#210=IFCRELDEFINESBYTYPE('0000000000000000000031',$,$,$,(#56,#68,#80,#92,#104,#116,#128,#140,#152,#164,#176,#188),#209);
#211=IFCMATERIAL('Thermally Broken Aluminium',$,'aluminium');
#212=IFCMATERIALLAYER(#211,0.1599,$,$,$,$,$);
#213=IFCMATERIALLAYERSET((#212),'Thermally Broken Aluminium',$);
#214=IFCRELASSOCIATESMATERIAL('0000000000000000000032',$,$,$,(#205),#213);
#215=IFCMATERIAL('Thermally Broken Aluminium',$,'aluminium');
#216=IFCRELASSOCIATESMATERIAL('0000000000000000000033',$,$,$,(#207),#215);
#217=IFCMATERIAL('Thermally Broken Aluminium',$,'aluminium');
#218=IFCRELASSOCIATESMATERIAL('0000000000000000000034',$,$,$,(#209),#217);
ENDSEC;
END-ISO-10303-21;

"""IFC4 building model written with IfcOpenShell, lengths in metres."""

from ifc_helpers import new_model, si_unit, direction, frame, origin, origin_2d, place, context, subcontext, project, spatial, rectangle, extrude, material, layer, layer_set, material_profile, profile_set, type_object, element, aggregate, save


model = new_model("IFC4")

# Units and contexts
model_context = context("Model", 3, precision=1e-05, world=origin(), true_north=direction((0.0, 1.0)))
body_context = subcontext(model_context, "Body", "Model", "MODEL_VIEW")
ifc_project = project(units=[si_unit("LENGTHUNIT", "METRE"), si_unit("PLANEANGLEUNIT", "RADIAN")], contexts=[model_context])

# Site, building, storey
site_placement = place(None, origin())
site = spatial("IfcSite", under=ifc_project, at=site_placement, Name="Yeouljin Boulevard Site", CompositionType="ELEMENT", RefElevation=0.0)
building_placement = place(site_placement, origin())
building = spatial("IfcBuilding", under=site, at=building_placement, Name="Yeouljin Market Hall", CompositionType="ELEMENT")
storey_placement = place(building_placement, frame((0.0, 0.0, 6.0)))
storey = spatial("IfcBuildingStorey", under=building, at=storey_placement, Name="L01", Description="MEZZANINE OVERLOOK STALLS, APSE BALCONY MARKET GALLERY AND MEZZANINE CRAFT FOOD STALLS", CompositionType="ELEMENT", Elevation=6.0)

____________________

What the exercise asks ->
Every record above is to be copied out again exactly as written.

Result below ->
#210=IFCRELDEFINESBYTYPE('0000000000000000000031',$,$,$,(#56,#68,#80,#92,#104,#116,#128,#140,#152,#164,#176,#188),#209);
#211=IFCMATERIAL('Thermally Broken Aluminium',$,'aluminium');
#212=IFCMATERIALLAYER(#211,0.1599,$,$,$,$,$);
#213=IFCMATERIALLAYERSET((#212),'Thermally Broken Aluminium',$);
#214=IFCRELASSOCIATESMATERIAL('0000000000000000000032',$,$,$,(#205),#213);
#215=IFCMATERIAL('Thermally Broken Aluminium',$,'aluminium');
#216=IFCRELASSOCIATESMATERIAL('0000000000000000000033',$,$,$,(#207),#215);
#217=IFCMATERIAL('Thermally Broken Aluminium',$,'aluminium');
#218=IFCRELASSOCIATESMATERIAL('0000000000000000000034',$,$,$,(#209),#217);
ENDSEC;
END-ISO-10303-21;

"""IFC4 building model written with IfcOpenShell, lengths in metres."""

from ifc_helpers import new_model, si_unit, direction, frame, origin, origin_2d, place, context, subcontext, project, spatial, rectangle, extrude, material, layer, layer_set, material_profile, profile_set, type_object, element, aggregate, save


model = new_model("IFC4")

# Units and contexts
model_context = context("Model", 3, precision=1e-05, world=origin(), true_north=direction((0.0, 1.0)))
body_context = subcontext(model_context, "Body", "Model", "MODEL_VIEW")
ifc_project = project(units=[si_unit("LENGTHUNIT", "METRE"), si_unit("PLANEANGLEUNIT", "RADIAN")], contexts=[model_context])

# Site, building, storey
site_placement = place(None, origin())
site = spatial("IfcSite", under=ifc_project, at=site_placement, Name="Yeouljin Boulevard Site", CompositionType="ELEMENT", RefElevation=0.0)
building_placement = place(site_placement, origin())
building = spatial("IfcBuilding", under=site, at=building_placement, Name="Yeouljin Market Hall", CompositionType="ELEMENT")
storey_placement = place(building_placement, frame((0.0, 0.0, 6.0)))
storey = spatial("IfcBuildingStorey", under=building, at=storey_placement, Name="L01", Description="MEZZANINE OVERLOOK STALLS, APSE BALCONY MARKET GALLERY AND MEZZANINE CRAFT FOOD STALLS", CompositionType="ELEMENT", Elevation=6.0)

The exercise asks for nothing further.